▶ PROBLEM STATEMENT
Find and return every line of the data that contains the word "contexts".

:: DATA ::

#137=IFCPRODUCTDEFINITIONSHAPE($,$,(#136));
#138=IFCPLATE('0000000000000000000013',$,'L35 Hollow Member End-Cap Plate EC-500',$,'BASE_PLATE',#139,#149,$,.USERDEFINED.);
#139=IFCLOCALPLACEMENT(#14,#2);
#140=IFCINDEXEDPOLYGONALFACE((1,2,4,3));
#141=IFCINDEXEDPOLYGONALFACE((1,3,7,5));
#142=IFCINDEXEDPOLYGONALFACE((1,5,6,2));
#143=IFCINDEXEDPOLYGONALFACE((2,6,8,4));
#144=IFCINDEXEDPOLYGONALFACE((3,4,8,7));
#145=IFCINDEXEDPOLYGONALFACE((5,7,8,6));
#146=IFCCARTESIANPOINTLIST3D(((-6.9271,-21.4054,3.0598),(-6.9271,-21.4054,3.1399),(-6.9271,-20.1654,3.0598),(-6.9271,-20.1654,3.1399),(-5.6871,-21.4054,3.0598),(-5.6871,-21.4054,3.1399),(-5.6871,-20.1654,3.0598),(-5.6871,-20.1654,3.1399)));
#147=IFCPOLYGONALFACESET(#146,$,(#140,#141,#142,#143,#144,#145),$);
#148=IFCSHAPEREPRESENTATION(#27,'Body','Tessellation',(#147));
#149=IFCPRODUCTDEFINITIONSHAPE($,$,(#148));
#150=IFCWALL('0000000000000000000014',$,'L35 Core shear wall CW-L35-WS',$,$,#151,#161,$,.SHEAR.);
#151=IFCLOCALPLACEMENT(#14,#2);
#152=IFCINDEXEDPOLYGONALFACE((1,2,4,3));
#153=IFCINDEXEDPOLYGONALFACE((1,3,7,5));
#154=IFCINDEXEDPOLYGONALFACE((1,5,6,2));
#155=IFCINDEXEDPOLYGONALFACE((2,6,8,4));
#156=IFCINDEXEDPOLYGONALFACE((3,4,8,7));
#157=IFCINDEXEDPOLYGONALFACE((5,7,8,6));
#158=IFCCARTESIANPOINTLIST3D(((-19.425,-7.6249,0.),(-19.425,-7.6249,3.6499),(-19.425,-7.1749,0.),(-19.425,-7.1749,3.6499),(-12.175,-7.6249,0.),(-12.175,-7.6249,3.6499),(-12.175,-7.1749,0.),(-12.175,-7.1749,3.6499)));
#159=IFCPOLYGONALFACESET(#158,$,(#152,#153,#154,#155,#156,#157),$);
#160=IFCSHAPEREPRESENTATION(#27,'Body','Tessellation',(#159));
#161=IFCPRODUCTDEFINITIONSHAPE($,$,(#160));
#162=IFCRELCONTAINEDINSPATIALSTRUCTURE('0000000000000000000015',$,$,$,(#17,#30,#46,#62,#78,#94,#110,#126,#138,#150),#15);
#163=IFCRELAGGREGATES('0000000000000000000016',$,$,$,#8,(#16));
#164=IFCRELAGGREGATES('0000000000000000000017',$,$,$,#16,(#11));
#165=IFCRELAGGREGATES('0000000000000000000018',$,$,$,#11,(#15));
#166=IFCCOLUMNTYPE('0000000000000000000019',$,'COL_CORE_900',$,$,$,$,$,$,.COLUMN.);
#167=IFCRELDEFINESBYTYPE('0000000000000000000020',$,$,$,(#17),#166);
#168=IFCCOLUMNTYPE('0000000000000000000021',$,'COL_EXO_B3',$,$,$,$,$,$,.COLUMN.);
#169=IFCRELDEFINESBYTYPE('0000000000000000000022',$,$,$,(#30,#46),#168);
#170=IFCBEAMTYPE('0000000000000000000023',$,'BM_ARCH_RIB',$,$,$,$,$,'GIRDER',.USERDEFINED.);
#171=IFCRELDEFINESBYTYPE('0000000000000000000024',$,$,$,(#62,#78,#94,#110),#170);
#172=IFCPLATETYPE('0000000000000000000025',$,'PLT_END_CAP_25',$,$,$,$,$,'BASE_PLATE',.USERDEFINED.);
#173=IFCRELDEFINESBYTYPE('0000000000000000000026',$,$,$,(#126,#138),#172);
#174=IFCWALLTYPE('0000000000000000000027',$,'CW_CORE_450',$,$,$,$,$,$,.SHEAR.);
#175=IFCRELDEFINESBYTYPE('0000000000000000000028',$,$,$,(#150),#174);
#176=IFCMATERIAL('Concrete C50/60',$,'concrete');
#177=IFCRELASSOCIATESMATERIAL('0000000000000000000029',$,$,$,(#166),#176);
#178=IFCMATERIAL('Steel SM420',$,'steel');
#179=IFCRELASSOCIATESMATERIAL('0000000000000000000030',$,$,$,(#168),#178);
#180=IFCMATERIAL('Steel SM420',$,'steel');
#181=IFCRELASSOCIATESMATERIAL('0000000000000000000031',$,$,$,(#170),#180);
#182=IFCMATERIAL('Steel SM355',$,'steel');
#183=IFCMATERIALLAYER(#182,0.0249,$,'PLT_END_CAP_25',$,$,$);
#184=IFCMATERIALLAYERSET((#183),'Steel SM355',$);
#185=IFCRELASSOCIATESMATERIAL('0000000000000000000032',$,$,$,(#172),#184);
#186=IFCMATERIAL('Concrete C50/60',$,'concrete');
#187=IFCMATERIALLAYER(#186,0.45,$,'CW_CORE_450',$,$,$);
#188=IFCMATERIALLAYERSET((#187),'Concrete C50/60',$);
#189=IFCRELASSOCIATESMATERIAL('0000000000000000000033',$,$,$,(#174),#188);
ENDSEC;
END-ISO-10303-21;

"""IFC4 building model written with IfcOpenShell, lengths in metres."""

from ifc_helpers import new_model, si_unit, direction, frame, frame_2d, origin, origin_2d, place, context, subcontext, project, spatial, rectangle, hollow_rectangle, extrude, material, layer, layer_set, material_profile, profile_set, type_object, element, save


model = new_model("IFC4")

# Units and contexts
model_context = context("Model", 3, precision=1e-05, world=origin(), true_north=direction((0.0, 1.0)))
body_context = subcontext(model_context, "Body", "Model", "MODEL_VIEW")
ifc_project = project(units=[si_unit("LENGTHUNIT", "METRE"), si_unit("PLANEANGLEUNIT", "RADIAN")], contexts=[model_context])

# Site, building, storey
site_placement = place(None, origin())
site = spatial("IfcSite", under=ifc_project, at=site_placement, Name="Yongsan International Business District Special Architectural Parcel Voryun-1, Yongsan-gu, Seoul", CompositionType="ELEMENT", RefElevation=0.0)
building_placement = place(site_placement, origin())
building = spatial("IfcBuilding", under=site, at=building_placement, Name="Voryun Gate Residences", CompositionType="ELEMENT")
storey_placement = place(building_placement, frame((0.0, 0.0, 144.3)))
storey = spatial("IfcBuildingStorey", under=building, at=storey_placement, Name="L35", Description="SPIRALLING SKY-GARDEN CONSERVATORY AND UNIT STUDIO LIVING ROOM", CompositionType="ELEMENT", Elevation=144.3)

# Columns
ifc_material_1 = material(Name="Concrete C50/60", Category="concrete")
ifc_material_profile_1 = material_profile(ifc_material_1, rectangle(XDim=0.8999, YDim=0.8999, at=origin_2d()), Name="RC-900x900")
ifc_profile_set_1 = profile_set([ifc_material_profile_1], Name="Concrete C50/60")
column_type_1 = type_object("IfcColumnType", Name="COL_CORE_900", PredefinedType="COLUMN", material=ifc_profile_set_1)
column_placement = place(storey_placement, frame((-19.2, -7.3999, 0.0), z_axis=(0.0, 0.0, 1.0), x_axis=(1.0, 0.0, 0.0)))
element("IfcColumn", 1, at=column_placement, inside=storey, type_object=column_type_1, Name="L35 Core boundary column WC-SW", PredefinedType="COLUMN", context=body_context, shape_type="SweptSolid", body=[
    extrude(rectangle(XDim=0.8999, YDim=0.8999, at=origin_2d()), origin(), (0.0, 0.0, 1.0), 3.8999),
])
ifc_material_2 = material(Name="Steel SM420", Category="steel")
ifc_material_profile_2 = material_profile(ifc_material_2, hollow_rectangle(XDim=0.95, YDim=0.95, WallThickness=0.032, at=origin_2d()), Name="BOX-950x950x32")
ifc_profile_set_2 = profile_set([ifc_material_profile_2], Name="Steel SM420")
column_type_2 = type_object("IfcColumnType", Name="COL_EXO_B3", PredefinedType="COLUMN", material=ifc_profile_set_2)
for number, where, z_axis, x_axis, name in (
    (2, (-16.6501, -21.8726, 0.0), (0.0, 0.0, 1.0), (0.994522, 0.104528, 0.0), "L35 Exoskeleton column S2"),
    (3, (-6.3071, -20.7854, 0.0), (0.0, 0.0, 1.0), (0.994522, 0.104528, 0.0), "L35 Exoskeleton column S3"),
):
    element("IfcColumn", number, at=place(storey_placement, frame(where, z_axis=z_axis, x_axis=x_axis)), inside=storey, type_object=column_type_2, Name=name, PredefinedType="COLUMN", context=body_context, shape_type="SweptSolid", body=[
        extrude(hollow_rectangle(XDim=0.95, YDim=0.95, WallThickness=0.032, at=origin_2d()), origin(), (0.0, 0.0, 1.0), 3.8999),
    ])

:::

▶ RESPONSE
# Units and contexts
ifc_project = project(units=[si_unit("LENGTHUNIT", "METRE"), si_unit("PLANEANGLEUNIT", "RADIAN")], contexts=[model_context])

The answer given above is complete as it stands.